(Stored data entries)
--- START ---
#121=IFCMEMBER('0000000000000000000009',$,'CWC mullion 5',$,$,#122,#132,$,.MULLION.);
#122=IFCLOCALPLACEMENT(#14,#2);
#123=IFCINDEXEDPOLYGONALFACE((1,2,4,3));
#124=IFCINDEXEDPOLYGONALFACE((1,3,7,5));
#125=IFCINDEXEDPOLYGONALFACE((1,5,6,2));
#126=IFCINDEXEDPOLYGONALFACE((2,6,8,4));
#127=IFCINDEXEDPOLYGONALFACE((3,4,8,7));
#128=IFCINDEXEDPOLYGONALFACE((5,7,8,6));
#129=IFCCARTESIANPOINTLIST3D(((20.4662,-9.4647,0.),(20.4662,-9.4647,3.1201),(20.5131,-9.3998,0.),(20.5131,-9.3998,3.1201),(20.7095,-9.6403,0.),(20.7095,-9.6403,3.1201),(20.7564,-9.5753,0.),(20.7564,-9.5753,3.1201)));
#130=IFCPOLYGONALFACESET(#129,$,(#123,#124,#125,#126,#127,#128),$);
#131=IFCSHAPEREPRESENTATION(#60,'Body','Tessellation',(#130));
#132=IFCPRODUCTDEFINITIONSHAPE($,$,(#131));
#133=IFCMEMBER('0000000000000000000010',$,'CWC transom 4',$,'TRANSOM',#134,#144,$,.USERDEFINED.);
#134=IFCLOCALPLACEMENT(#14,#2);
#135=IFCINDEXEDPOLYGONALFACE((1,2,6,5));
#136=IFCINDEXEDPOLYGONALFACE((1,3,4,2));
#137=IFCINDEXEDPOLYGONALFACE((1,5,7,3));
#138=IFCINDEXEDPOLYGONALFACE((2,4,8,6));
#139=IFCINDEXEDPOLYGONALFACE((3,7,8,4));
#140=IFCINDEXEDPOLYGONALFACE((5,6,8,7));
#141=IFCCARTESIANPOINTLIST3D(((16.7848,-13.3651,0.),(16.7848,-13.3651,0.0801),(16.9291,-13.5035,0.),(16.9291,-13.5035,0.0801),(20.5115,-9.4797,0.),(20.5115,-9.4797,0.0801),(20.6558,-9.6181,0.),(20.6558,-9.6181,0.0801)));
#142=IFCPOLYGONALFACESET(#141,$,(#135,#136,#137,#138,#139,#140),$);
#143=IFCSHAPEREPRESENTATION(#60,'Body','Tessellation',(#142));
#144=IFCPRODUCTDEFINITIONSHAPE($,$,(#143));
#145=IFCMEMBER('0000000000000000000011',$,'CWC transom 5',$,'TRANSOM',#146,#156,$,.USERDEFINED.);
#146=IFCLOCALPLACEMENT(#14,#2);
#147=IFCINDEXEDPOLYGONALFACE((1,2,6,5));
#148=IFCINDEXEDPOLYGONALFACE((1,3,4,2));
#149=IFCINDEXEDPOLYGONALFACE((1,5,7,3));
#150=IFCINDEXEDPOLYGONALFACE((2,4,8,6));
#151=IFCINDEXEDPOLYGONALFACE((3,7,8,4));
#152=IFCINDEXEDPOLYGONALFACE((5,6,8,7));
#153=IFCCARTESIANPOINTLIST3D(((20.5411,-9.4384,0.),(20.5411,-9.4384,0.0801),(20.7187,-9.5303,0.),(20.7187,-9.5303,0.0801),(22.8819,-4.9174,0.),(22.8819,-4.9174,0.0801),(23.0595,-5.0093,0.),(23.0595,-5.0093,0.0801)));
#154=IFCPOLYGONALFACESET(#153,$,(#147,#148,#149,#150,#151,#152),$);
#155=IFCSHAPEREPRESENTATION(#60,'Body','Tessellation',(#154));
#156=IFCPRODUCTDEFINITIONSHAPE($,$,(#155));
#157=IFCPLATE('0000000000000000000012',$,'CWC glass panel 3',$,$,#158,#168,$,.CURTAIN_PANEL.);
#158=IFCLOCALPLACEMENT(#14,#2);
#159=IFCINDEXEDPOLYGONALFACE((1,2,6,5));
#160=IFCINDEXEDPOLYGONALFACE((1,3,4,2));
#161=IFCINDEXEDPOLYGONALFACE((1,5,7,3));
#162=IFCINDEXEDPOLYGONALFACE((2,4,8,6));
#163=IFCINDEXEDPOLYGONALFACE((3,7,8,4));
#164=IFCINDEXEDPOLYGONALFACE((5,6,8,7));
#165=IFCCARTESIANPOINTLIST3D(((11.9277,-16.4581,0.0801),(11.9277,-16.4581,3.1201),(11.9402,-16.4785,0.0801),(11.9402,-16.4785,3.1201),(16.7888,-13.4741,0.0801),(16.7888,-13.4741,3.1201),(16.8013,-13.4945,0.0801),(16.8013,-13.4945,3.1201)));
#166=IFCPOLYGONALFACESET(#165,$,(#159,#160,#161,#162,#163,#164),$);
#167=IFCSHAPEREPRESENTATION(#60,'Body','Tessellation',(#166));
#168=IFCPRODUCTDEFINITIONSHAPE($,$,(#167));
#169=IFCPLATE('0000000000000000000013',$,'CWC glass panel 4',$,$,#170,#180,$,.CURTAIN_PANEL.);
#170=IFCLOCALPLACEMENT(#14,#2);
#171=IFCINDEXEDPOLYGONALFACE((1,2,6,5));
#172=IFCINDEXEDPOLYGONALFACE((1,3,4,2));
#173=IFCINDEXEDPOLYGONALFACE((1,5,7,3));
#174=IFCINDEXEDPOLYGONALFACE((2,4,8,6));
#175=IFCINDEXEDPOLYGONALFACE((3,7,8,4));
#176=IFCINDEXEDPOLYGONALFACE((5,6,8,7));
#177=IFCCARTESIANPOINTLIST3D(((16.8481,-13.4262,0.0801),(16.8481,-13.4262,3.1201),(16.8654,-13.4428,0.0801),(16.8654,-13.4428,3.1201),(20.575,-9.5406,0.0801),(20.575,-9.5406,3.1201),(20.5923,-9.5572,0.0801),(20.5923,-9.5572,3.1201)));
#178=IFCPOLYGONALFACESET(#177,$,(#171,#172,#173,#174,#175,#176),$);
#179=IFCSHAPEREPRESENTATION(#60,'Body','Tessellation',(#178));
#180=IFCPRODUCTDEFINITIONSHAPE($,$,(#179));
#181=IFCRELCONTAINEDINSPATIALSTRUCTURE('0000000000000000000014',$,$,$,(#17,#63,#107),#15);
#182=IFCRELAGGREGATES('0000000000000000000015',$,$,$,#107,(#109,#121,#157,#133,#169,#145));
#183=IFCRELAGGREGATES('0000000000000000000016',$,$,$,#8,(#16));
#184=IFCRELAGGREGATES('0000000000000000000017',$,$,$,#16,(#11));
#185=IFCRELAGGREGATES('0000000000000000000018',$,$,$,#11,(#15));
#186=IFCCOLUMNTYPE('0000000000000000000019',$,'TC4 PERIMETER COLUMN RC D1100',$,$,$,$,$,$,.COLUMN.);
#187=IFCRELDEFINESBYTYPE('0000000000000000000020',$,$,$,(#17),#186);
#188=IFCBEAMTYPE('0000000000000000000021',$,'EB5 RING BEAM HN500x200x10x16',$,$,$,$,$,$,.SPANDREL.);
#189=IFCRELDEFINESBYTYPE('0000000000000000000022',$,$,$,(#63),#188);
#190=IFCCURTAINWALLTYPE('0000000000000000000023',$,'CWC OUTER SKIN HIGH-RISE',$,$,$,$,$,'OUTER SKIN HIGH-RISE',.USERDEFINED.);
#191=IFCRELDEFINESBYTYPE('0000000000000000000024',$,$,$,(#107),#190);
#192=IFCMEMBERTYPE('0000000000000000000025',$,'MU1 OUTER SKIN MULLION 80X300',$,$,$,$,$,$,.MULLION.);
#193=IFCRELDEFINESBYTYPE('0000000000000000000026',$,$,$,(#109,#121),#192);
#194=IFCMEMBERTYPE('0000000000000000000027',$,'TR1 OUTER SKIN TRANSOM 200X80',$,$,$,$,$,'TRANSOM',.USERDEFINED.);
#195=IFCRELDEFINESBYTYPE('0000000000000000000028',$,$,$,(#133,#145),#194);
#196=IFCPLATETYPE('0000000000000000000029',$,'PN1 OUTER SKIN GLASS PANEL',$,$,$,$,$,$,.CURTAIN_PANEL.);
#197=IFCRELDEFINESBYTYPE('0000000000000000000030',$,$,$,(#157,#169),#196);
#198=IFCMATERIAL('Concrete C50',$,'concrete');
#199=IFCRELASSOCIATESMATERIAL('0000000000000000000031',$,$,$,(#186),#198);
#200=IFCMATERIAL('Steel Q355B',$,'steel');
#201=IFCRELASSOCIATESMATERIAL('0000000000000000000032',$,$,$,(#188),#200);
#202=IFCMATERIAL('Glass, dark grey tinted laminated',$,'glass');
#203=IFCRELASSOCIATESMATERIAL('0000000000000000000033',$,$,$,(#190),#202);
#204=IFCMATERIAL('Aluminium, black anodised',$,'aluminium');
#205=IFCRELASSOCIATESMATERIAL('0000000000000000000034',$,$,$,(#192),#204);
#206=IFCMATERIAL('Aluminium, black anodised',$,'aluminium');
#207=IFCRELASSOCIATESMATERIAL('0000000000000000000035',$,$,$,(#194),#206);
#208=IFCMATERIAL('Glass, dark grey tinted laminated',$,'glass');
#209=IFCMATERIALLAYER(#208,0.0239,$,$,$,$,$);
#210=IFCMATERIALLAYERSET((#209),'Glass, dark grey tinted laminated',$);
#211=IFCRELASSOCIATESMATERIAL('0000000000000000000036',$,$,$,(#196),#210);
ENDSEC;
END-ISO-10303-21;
--- END ---
• Aim of the exercise: Find the line with "#125=IFCINDEXEDPOLYGONALFACE((1,5,6,2));" in the entries above. Retype it and each line after it, exactly, through the line with "#128=IFCINDEXEDPOLYGONALFACE((5,7,8,6));", and stop there.

• Your response:
#125=IFCINDEXEDPOLYGONALFACE((1,5,6,2));
#126=IFCINDEXEDPOLYGONALFACE((2,6,8,4));
#127=IFCINDEXEDPOLYGONALFACE((3,4,8,7));
#128=IFCINDEXEDPOLYGONALFACE((5,7,8,6));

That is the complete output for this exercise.